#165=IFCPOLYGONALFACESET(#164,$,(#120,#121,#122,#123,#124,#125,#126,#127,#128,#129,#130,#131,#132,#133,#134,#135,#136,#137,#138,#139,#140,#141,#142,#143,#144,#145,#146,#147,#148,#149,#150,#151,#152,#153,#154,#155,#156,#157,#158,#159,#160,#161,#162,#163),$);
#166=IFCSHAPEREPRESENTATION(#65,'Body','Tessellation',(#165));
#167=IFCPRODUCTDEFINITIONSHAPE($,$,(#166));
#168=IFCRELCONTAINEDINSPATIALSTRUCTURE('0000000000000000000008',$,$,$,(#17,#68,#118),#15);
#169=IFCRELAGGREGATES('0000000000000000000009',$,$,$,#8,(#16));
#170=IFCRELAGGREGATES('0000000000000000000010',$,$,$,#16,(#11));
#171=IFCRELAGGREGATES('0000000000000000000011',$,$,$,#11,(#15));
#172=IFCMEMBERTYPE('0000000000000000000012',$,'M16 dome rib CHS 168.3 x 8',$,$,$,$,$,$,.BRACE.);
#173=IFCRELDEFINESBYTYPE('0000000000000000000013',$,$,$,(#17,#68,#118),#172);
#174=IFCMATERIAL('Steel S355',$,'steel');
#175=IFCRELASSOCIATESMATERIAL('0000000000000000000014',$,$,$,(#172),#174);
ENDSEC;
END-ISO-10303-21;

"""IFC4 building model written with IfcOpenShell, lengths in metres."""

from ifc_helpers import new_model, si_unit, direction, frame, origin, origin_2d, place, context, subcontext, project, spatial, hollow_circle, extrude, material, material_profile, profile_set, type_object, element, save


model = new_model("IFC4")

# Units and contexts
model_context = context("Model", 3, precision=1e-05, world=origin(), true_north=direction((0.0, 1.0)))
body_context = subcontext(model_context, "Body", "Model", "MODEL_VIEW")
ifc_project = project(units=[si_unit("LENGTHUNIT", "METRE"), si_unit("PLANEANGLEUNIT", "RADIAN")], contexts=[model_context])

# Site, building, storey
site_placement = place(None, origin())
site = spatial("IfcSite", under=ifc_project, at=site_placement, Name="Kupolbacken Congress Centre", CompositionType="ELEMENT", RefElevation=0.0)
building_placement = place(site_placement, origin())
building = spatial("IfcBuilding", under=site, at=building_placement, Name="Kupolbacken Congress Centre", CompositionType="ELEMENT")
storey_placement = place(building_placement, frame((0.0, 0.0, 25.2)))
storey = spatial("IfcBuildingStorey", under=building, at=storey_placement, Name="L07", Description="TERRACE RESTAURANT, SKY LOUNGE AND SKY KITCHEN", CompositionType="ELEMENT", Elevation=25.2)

──────────────────────────────

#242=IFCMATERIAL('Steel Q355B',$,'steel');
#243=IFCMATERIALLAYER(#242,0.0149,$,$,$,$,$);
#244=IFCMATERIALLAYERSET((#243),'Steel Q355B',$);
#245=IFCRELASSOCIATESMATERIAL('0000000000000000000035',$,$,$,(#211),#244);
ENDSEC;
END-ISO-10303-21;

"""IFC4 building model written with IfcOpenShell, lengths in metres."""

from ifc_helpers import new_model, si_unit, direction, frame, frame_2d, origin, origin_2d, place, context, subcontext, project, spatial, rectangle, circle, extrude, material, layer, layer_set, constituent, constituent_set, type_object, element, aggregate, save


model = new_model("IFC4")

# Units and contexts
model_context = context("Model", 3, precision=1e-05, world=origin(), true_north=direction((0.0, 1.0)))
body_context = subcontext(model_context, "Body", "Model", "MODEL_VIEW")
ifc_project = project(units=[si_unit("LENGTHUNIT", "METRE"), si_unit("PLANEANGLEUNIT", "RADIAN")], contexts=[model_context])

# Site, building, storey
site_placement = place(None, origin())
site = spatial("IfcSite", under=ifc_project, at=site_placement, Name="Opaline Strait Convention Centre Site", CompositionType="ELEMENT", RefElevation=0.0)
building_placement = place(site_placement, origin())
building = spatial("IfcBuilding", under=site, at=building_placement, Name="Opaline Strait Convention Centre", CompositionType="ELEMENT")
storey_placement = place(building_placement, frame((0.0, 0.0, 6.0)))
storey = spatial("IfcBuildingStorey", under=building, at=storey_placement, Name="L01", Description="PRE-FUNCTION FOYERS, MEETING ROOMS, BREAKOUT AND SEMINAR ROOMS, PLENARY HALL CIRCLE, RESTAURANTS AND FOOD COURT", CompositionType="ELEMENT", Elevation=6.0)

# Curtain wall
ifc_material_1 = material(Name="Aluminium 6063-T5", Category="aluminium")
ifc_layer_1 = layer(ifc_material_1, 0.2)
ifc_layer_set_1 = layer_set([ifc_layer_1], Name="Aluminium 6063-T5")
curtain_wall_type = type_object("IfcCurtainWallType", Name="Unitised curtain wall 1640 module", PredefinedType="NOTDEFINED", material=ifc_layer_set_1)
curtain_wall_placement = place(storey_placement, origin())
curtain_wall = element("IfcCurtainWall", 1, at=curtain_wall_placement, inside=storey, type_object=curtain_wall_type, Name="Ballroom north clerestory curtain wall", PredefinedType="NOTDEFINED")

──────────────────────────────

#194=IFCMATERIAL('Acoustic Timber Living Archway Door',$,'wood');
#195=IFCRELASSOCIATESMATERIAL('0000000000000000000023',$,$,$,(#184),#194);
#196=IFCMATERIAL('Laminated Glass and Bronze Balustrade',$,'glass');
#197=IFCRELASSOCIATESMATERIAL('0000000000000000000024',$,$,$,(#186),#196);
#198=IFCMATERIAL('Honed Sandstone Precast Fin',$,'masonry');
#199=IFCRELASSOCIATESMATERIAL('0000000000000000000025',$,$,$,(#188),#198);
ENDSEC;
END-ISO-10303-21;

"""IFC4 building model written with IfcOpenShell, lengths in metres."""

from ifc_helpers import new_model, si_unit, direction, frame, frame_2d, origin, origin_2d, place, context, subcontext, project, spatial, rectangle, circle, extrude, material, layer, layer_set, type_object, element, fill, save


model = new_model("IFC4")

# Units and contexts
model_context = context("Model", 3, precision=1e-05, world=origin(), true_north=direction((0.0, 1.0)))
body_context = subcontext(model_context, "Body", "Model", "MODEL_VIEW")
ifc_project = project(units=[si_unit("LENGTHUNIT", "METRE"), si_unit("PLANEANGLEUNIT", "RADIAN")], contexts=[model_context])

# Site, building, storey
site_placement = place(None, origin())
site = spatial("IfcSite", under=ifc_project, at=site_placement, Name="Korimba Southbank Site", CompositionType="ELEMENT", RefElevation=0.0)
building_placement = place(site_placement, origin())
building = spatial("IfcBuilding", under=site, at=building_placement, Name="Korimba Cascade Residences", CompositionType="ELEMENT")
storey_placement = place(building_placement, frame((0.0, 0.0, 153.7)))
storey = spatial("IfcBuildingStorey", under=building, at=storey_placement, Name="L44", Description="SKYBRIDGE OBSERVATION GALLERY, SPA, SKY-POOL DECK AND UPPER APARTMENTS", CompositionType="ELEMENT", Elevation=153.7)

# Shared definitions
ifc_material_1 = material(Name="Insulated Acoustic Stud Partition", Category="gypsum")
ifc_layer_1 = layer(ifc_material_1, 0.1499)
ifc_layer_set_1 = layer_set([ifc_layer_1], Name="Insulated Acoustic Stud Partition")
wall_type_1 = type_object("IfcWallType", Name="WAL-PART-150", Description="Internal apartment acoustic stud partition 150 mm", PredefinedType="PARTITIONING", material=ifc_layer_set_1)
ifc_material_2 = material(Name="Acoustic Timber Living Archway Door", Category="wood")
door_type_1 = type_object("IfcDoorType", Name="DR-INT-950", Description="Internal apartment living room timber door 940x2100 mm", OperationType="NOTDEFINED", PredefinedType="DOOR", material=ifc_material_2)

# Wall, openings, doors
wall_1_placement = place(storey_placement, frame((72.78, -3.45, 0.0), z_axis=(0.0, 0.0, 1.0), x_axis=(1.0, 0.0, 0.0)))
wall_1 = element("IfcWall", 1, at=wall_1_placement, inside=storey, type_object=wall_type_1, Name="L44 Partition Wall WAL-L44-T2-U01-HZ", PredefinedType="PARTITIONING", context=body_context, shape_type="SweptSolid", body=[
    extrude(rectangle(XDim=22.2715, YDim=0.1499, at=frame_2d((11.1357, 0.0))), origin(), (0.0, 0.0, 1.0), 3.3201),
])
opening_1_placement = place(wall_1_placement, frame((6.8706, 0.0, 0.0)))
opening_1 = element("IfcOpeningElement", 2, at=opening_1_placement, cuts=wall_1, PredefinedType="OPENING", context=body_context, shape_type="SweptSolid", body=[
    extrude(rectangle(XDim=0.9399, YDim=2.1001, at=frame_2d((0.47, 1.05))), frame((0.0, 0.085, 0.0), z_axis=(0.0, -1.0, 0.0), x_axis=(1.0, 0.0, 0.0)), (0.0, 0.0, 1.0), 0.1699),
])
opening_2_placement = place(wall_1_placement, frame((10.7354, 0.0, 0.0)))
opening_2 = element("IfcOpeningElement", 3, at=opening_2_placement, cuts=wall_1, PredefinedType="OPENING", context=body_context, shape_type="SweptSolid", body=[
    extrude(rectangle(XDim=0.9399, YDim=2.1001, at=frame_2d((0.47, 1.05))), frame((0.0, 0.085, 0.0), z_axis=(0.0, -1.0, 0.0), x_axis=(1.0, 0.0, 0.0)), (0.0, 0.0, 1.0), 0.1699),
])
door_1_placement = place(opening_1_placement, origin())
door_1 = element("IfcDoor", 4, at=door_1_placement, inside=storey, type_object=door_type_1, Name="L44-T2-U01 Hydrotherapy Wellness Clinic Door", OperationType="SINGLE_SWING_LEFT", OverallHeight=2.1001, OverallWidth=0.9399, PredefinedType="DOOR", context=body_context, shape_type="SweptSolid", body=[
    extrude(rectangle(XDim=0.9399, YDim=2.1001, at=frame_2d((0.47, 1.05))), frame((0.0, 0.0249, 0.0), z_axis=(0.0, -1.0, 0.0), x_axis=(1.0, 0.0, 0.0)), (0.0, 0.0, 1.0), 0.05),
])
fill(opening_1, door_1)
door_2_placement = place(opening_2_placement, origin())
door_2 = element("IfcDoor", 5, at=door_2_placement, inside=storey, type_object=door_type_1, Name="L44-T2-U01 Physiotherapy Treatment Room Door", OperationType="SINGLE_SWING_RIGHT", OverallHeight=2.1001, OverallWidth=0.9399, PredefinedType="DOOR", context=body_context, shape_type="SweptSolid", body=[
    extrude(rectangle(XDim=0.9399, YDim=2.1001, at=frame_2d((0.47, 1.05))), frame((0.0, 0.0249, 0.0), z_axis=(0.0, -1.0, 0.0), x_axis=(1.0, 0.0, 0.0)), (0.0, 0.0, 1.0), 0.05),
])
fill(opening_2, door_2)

──────────────────────────────

— The task —
State in a single number how many lines in the data include the word "save".

— Result for this exercise —
3